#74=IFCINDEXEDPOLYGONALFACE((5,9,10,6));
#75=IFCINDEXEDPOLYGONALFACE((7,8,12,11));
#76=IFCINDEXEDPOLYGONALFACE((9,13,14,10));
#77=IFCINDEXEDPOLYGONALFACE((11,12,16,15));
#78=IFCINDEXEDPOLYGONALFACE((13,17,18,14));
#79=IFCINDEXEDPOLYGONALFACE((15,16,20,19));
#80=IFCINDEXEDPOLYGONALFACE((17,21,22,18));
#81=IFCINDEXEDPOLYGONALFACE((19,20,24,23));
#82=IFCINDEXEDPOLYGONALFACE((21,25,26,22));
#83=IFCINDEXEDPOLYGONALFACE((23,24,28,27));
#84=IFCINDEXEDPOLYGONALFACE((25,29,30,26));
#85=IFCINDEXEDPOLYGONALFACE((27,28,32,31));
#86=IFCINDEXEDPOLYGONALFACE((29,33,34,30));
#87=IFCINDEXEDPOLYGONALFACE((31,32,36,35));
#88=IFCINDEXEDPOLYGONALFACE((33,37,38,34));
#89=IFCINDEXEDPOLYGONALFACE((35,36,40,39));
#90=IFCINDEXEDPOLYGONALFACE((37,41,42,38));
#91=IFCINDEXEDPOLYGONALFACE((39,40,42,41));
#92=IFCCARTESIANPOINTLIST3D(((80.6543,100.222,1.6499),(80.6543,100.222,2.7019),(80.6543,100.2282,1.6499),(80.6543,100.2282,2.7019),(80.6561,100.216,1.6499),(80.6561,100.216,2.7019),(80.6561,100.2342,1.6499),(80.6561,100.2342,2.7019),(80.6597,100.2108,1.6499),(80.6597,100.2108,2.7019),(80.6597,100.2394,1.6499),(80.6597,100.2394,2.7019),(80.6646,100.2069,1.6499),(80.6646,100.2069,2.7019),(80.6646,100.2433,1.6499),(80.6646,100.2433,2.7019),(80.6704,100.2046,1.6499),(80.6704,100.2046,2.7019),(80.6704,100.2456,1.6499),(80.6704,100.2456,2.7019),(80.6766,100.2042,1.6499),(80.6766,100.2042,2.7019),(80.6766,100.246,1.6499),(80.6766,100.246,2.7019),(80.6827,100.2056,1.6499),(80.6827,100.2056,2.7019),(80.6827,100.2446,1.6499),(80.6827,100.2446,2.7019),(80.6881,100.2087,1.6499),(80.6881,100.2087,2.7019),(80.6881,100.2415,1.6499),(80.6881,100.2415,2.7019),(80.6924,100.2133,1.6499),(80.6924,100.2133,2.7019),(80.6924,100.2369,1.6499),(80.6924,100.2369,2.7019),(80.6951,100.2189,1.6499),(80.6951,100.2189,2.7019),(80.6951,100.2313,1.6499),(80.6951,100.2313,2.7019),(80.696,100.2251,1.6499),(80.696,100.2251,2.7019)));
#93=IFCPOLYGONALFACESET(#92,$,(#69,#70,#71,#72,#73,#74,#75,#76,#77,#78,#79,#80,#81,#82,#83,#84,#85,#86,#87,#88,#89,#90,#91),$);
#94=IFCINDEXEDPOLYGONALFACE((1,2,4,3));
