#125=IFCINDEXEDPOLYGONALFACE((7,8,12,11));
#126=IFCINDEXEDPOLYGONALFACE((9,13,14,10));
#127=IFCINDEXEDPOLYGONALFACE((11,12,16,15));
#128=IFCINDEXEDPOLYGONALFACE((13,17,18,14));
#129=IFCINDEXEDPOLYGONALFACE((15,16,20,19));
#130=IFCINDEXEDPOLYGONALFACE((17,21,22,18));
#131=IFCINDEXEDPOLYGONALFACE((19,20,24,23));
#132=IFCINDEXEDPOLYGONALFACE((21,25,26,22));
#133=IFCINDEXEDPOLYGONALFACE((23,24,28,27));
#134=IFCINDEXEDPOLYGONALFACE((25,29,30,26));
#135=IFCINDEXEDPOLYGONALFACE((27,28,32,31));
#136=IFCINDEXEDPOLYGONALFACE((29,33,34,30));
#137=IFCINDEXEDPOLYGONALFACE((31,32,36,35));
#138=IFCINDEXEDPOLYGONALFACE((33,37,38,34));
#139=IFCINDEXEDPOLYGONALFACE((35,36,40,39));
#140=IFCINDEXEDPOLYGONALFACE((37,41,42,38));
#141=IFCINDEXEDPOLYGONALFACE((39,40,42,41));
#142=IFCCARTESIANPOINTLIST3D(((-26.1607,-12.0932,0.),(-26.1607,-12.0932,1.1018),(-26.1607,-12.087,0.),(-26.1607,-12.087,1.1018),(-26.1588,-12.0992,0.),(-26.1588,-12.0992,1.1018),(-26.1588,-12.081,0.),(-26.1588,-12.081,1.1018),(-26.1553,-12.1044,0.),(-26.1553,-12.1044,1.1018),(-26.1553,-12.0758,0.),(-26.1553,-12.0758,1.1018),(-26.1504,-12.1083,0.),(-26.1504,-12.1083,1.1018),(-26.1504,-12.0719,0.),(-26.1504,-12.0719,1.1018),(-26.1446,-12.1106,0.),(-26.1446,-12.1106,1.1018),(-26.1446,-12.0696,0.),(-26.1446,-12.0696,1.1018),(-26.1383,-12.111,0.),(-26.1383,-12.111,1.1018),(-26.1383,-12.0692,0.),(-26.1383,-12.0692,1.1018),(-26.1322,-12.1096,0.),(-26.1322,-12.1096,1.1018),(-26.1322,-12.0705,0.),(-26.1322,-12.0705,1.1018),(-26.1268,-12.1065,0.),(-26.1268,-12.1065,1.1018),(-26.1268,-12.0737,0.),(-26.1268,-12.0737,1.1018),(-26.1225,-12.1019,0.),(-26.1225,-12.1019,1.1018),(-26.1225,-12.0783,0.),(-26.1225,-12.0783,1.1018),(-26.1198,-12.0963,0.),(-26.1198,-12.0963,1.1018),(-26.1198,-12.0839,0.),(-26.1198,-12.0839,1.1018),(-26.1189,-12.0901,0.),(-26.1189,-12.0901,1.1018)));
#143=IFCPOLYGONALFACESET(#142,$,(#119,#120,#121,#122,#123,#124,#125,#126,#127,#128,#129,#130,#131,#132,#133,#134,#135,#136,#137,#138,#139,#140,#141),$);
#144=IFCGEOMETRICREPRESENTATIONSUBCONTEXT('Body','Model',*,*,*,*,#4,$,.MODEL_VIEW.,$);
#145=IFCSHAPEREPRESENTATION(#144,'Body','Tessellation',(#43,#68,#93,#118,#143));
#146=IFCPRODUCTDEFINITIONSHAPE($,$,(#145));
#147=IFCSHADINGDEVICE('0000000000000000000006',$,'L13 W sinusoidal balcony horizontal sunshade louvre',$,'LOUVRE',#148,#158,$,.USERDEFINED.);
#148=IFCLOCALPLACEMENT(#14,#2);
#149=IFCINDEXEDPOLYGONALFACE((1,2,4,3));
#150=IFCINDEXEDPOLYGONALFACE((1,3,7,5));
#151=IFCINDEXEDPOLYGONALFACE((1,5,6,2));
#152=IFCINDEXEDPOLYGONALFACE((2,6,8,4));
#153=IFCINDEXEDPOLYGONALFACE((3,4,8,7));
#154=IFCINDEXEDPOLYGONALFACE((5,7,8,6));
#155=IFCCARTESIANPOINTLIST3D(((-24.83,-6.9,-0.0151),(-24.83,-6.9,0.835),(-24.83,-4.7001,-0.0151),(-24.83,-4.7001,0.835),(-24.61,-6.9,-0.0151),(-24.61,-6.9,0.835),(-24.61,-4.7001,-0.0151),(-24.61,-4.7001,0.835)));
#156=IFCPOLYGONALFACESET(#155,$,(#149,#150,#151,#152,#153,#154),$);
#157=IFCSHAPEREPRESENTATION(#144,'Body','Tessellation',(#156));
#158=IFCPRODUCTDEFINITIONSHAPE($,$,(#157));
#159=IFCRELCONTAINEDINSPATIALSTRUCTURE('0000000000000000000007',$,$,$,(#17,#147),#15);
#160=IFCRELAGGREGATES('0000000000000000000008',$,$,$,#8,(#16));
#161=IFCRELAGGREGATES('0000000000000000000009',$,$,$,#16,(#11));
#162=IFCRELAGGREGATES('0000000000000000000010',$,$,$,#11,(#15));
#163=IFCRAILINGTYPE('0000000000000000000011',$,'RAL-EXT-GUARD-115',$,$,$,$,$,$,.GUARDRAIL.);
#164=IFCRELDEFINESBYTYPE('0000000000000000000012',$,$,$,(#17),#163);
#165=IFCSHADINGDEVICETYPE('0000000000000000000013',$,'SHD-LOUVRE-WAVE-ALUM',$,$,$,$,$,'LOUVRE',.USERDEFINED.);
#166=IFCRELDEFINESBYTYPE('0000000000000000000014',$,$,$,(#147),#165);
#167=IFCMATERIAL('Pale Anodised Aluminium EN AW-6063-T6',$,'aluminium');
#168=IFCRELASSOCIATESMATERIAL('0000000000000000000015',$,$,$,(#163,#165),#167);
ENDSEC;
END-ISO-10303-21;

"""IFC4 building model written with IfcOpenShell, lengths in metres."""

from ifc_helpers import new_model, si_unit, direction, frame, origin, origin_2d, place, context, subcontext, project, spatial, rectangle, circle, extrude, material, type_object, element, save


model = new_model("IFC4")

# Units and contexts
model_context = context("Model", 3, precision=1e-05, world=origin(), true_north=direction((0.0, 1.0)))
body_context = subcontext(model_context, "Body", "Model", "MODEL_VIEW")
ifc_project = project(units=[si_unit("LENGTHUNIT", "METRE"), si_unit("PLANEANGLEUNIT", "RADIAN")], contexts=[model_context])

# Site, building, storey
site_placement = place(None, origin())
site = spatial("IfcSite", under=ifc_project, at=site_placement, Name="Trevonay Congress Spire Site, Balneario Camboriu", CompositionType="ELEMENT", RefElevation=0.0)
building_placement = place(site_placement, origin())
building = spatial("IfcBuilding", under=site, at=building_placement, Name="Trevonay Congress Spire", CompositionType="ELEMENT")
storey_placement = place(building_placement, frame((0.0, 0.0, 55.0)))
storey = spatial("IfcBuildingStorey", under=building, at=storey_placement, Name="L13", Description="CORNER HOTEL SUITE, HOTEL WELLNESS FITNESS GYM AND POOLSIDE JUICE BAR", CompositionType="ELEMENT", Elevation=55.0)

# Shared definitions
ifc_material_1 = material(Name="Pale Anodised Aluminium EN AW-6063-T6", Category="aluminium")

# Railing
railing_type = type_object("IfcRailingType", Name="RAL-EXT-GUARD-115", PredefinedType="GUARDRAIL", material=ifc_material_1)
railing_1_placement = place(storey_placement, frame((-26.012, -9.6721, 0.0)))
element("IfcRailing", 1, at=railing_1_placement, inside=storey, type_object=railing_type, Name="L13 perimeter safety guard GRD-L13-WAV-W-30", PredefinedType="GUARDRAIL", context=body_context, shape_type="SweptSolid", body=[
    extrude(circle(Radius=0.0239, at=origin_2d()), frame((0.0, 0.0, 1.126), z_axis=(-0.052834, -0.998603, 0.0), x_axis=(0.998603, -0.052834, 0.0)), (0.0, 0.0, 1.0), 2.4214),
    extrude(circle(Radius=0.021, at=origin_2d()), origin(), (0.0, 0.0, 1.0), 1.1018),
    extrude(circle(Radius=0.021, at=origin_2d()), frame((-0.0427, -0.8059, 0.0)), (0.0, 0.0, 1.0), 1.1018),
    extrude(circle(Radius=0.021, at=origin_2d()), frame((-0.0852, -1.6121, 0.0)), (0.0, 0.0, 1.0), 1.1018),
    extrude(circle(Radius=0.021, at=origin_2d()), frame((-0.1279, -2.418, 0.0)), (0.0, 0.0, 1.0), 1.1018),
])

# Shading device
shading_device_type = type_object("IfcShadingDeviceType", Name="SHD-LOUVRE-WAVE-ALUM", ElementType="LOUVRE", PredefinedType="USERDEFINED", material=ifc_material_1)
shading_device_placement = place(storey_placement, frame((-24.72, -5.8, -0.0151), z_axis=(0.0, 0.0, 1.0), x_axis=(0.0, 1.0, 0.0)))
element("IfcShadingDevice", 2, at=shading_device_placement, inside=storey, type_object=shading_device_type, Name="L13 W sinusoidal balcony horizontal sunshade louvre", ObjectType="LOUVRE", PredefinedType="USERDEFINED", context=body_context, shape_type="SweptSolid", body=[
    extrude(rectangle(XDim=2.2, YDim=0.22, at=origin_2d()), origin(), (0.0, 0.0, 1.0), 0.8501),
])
++++++
**Task statement:** Scan the records above for the lines holding "#75=IFCINDEXEDPOLYGONALFACE((7,8,12,11));" and "#91=IFCINDEXEDPOLYGONALFACE((39,40,42,41));". Transcribe those two and every line between them word for word, and no others.

**Your response:**
#75=IFCINDEXEDPOLYGONALFACE((7,8,12,11));
#76=IFCINDEXEDPOLYGONALFACE((9,13,14,10));
#77=IFCINDEXEDPOLYGONALFACE((11,12,16,15));
#78=IFCINDEXEDPOLYGONALFACE((13,17,18,14));
#79=IFCINDEXEDPOLYGONALFACE((15,16,20,19));
#80=IFCINDEXEDPOLYGONALFACE((17,21,22,18));
#81=IFCINDEXEDPOLYGONALFACE((19,20,24,23));
#82=IFCINDEXEDPOLYGONALFACE((21,25,26,22));
#83=IFCINDEXEDPOLYGONALFACE((23,24,28,27));
#84=IFCINDEXEDPOLYGONALFACE((25,29,30,26));
#85=IFCINDEXEDPOLYGONALFACE((27,28,32,31));
#86=IFCINDEXEDPOLYGONALFACE((29,33,34,30));
#87=IFCINDEXEDPOLYGONALFACE((31,32,36,35));
#88=IFCINDEXEDPOLYGONALFACE((33,37,38,34));
#89=IFCINDEXEDPOLYGONALFACE((35,36,40,39));
#90=IFCINDEXEDPOLYGONALFACE((37,41,42,38));
#91=IFCINDEXEDPOLYGONALFACE((39,40,42,41));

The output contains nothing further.